* Instructions for the task *
Below are entries. Copy exactly the lines running from the line that holds "#71=IFCINDEXEDPOLYGONALFACE((1,5,6,2));" to the line that holds "#76=IFCINDEXEDPOLYGONALFACE((9,13,14,10));", with both ends included.

* Listed records *
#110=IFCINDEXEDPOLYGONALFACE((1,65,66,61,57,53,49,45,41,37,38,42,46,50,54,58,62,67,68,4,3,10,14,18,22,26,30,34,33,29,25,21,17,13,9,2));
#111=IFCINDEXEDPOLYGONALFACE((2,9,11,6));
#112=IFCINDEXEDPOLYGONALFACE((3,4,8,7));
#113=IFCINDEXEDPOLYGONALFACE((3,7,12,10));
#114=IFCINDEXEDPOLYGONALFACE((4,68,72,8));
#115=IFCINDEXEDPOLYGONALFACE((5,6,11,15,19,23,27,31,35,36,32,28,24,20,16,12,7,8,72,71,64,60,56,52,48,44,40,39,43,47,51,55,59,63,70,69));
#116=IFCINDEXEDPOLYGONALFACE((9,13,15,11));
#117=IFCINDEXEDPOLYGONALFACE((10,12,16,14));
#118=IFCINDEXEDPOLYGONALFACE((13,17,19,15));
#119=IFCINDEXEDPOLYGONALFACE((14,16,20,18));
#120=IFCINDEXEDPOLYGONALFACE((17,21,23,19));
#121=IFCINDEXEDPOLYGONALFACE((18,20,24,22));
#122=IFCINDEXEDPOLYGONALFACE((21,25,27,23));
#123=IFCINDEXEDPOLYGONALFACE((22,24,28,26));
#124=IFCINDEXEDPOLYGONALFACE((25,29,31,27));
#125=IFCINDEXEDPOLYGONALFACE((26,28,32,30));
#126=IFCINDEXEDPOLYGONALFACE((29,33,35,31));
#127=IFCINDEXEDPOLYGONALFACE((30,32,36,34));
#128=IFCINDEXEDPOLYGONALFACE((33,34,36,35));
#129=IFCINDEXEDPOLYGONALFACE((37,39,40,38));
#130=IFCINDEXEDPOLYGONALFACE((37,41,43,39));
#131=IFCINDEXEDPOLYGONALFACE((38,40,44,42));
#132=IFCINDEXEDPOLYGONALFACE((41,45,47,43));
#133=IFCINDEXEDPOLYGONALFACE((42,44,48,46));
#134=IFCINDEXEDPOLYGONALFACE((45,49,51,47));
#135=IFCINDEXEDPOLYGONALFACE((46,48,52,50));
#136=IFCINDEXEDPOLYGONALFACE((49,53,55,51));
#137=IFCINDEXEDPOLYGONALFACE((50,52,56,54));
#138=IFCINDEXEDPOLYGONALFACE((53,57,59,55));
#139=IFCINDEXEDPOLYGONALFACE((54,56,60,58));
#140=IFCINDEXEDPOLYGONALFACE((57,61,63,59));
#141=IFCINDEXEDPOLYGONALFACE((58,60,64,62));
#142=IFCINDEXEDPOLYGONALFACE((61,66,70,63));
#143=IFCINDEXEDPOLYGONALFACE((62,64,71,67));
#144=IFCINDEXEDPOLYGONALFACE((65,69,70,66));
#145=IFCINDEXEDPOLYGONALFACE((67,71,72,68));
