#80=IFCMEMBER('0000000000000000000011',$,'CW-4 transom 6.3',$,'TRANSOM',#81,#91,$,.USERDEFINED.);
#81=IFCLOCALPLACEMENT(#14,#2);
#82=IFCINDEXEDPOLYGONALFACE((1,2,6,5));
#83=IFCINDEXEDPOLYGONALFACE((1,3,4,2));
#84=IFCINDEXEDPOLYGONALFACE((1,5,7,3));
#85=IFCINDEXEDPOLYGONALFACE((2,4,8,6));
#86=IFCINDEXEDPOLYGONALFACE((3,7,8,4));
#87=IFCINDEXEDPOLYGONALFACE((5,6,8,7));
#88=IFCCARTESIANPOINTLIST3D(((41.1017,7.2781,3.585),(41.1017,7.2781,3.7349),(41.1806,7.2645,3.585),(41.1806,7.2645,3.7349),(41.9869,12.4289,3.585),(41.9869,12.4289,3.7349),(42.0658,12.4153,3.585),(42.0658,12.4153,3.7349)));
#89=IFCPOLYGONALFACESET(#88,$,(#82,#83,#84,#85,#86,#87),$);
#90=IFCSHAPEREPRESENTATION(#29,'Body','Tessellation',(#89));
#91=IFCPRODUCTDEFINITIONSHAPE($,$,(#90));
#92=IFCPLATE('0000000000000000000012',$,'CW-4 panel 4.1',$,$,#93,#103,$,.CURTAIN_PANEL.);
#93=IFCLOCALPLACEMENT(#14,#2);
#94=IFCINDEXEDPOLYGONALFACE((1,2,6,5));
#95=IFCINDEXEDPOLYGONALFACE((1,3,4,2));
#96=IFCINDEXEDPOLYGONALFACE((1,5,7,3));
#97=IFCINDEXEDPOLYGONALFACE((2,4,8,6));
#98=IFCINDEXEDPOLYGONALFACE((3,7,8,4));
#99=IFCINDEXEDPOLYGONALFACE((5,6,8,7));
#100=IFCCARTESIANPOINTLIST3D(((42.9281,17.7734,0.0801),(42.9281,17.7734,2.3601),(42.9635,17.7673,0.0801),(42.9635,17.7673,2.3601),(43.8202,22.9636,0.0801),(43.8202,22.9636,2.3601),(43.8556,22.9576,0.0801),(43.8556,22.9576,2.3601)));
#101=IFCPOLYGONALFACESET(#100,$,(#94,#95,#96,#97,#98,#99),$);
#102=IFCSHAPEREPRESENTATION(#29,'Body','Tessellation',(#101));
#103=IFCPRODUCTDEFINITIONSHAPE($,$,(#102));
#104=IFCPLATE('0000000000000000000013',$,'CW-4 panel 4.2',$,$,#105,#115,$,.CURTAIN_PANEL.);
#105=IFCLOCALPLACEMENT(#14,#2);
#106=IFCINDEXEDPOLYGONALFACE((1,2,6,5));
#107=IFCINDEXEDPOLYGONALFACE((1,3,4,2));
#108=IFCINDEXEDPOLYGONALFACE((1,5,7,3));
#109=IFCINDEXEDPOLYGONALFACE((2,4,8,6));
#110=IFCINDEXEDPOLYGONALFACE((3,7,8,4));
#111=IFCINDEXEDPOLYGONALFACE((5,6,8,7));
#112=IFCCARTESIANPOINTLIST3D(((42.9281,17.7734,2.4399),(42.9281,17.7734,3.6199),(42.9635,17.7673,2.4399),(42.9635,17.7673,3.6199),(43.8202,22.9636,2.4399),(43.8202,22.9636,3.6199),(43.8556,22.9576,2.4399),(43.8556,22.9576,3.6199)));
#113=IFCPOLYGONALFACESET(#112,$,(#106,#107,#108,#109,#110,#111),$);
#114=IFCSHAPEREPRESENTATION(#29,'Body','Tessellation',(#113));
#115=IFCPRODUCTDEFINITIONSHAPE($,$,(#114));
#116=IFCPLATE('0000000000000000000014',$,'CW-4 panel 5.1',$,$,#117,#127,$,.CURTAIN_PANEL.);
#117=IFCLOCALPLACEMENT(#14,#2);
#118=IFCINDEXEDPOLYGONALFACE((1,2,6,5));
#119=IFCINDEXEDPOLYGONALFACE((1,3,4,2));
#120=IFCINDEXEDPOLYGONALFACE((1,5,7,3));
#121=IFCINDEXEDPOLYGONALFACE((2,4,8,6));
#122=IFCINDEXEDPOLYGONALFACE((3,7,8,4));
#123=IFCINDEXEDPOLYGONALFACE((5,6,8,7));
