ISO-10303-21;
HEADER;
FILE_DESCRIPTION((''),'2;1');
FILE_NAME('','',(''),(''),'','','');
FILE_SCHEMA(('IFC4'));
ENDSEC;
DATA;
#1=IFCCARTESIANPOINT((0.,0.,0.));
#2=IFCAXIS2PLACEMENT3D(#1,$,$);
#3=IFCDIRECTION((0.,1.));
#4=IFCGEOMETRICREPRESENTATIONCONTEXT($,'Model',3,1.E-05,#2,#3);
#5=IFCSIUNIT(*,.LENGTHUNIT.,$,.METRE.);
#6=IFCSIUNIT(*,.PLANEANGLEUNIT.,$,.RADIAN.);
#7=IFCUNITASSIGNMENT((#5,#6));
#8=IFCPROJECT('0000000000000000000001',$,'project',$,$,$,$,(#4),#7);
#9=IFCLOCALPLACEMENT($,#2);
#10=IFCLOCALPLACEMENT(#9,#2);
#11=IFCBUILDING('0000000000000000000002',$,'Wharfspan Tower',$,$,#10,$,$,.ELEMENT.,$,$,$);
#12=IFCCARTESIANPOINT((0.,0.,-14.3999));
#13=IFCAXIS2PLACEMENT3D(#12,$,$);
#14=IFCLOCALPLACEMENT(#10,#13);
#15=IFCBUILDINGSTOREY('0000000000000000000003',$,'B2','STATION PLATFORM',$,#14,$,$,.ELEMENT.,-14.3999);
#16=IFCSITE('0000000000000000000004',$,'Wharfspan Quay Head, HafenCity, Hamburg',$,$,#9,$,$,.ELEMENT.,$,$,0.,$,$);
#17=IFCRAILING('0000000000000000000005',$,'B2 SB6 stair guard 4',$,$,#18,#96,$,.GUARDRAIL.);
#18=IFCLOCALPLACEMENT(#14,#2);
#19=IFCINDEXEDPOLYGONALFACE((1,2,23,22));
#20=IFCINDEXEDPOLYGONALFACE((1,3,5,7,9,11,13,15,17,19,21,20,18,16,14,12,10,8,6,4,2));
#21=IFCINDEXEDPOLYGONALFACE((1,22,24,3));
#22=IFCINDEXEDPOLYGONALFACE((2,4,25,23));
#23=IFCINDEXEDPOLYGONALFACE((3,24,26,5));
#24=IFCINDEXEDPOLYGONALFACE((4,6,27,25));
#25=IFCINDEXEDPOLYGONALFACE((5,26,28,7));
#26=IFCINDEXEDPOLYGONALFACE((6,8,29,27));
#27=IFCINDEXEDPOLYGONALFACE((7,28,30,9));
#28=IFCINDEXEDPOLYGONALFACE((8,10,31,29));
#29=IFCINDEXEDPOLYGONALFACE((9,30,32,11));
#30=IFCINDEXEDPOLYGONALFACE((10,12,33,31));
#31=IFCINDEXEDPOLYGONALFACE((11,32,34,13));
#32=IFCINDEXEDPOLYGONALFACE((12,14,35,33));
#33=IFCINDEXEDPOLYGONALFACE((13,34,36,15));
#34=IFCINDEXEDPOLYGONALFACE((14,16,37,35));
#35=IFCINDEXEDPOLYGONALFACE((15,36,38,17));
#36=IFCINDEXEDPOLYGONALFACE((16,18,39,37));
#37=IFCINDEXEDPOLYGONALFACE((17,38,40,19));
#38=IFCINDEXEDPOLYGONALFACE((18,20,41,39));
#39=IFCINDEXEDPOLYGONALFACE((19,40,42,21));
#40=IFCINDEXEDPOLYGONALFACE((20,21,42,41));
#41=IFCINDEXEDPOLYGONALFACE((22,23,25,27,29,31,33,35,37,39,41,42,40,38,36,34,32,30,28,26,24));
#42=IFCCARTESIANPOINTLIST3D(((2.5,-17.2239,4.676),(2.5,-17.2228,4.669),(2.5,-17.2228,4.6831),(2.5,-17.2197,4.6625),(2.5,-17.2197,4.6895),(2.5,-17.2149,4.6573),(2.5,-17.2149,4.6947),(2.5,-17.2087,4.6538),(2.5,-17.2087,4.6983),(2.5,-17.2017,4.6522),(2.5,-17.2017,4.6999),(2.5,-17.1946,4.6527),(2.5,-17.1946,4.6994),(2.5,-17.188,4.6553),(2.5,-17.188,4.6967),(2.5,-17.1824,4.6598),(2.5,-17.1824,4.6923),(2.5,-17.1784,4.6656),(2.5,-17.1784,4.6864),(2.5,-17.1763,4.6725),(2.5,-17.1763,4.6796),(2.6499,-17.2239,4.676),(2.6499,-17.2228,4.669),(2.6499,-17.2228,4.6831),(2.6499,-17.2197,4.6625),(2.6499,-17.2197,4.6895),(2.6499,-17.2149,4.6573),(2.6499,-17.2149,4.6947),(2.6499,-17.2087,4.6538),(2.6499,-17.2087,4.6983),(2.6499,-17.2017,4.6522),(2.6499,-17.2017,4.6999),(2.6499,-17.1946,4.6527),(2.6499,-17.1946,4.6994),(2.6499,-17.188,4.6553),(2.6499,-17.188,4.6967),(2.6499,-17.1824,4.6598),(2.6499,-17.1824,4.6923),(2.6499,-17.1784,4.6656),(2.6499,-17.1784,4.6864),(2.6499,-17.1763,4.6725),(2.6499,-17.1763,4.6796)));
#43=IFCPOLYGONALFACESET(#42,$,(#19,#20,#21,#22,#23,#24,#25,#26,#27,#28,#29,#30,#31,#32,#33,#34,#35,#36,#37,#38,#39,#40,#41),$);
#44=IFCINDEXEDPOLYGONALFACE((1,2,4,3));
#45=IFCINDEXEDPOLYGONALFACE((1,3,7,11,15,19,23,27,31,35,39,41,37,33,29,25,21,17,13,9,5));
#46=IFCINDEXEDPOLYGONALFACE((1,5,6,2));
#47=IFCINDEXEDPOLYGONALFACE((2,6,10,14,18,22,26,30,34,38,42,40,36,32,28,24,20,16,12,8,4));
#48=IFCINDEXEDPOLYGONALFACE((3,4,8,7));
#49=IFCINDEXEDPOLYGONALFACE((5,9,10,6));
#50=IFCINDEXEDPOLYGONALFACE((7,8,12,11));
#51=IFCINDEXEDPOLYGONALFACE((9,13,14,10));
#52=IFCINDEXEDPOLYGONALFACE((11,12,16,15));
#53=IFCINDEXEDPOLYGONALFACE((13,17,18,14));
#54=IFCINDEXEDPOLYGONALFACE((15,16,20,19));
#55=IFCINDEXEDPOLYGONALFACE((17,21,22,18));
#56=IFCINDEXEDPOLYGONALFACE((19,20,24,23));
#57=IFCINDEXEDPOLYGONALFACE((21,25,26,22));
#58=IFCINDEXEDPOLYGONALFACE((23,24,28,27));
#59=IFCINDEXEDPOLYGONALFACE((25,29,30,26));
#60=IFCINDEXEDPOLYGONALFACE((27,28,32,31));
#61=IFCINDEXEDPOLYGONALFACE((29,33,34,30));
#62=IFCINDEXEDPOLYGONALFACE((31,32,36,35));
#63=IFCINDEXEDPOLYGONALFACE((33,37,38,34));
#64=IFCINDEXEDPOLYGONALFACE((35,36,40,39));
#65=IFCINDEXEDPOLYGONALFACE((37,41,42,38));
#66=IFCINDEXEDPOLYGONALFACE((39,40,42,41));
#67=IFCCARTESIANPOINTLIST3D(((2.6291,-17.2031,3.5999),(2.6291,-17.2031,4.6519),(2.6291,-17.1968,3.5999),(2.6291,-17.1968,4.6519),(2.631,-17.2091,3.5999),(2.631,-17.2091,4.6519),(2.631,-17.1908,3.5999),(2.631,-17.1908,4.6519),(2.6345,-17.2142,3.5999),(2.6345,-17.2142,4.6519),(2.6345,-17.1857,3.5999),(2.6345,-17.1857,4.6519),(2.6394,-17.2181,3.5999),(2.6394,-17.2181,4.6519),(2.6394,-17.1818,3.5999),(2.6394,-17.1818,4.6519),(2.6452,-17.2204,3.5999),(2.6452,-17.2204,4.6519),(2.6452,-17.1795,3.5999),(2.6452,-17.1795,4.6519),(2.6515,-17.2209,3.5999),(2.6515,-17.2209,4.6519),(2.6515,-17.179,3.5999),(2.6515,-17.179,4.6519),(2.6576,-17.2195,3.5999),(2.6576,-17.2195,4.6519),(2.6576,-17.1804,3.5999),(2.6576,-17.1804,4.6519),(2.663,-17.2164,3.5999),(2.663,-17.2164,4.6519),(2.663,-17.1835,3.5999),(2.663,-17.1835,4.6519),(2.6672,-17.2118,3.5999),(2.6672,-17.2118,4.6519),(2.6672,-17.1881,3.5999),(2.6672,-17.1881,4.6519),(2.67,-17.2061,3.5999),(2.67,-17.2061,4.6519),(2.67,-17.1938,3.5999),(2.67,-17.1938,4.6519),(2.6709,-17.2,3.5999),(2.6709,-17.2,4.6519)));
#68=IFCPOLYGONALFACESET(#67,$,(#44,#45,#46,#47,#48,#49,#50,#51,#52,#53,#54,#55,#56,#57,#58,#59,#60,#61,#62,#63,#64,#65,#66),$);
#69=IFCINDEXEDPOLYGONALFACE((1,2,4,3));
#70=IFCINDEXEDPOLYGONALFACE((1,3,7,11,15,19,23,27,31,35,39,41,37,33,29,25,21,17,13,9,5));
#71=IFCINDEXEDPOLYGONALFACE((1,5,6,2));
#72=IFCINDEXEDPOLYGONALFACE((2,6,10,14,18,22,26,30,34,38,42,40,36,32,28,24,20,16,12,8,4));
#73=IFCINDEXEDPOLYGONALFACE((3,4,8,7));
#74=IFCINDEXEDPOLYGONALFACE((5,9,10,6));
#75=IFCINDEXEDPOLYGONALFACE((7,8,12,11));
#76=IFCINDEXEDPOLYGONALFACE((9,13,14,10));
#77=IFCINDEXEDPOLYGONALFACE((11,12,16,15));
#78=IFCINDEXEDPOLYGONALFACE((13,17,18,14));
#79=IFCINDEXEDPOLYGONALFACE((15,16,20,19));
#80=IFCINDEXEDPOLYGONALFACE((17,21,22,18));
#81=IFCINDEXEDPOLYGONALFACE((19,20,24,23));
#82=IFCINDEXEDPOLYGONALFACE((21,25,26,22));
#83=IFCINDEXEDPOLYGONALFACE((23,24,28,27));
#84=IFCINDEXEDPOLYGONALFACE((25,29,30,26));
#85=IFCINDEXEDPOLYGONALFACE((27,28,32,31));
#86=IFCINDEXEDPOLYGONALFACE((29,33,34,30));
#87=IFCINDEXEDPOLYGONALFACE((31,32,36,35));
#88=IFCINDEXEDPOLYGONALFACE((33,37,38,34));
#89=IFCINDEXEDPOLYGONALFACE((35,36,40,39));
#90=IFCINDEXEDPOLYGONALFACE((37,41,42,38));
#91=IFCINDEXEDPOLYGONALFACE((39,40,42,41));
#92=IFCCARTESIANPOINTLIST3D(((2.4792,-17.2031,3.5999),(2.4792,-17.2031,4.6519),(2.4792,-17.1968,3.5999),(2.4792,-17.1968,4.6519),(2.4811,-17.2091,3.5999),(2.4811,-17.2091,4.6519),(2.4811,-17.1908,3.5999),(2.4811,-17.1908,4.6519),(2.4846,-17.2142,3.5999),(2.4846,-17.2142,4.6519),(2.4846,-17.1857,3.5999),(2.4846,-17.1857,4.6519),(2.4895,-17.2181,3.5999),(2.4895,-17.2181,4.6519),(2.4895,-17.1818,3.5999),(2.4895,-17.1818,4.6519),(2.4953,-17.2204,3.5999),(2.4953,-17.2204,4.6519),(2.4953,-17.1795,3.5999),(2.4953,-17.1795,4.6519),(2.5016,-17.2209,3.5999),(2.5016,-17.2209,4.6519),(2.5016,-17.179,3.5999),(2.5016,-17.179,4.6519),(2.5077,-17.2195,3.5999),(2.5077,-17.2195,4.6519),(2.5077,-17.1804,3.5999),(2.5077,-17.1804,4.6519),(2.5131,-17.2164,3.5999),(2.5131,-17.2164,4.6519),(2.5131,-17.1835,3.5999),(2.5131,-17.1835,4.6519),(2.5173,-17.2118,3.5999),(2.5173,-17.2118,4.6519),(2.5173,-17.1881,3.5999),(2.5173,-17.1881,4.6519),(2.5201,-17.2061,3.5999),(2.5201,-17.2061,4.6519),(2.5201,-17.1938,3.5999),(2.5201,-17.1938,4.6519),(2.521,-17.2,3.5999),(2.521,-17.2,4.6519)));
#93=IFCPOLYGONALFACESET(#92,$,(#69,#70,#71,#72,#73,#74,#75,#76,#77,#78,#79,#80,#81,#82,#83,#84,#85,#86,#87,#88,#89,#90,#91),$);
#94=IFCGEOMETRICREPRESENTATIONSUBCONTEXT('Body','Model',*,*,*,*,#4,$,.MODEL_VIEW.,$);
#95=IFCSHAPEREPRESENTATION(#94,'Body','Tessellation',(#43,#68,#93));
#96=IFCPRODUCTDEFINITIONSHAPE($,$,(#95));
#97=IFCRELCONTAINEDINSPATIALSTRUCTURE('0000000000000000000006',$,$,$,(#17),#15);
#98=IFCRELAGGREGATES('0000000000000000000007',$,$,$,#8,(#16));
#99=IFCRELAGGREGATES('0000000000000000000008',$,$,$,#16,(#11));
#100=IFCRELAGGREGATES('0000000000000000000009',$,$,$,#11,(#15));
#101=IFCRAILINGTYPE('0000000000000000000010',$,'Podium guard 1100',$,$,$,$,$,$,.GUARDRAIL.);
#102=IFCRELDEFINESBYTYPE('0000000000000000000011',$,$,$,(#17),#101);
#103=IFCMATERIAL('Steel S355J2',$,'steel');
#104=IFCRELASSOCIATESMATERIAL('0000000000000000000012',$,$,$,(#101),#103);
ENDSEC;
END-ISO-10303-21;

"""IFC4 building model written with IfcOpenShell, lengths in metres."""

from ifc_helpers import new_model, si_unit, direction, frame, origin, origin_2d, place, context, subcontext, project, spatial, circle, extrude, material, type_object, element, save


model = new_model("IFC4")

# Units and contexts
model_context = context("Model", 3, precision=1e-05, world=origin(), true_north=direction((0.0, 1.0)))
body_context = subcontext(model_context, "Body", "Model", "MODEL_VIEW")
ifc_project = project(units=[si_unit("LENGTHUNIT", "METRE"), si_unit("PLANEANGLEUNIT", "RADIAN")], contexts=[model_context])

# Site, building, storey
site_placement = place(None, origin())
site = spatial("IfcSite", under=ifc_project, at=site_placement, Name="Wharfspan Quay Head, HafenCity, Hamburg", CompositionType="ELEMENT", RefElevation=0.0)
building_placement = place(site_placement, origin())
building = spatial("IfcBuilding", under=site, at=building_placement, Name="Wharfspan Tower", CompositionType="ELEMENT")
storey_placement = place(building_placement, frame((0.0, 0.0, -14.3999)))
storey = spatial("IfcBuildingStorey", under=building, at=storey_placement, Name="B2", Description="STATION PLATFORM", CompositionType="ELEMENT", Elevation=-14.3999)

# Railing
ifc_material_1 = material(Name="Steel S355J2", Category="steel")
railing_type = type_object("IfcRailingType", Name="Podium guard 1100", PredefinedType="GUARDRAIL", material=ifc_material_1)
railing_1_placement = place(storey_placement, frame((2.6499, -17.2, 3.5999)))
element("IfcRailing", 1, at=railing_1_placement, inside=storey, type_object=railing_type, Name="B2 SB6 stair guard 4", PredefinedType="GUARDRAIL", context=body_context, shape_type="SweptSolid", body=[
    extrude(circle(Radius=0.0239, at=origin_2d()), frame((0.0, 0.0, 1.0762), z_axis=(-1.0, 0.0, 0.0), x_axis=(0.0, -1.0, 0.0)), (0.0, 0.0, 1.0), 0.1499),
    extrude(circle(Radius=0.021, at=origin_2d()), origin(), (0.0, 0.0, 1.0), 1.052),
    extrude(circle(Radius=0.021, at=origin_2d()), frame((-0.1499, 0.0, 0.0)), (0.0, 0.0, 1.0), 1.052),
])

save(model, "model.ifc")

* Completed task *
#71=IFCINDEXEDPOLYGONALFACE((1,5,6,2));
#72=IFCINDEXEDPOLYGONALFACE((2,6,10,14,18,22,26,30,34,38,42,40,36,32,28,24,20,16,12,8,4));
#73=IFCINDEXEDPOLYGONALFACE((3,4,8,7));
#74=IFCINDEXEDPOLYGONALFACE((5,9,10,6));
#75=IFCINDEXEDPOLYGONALFACE((7,8,12,11));
#76=IFCINDEXEDPOLYGONALFACE((9,13,14,10));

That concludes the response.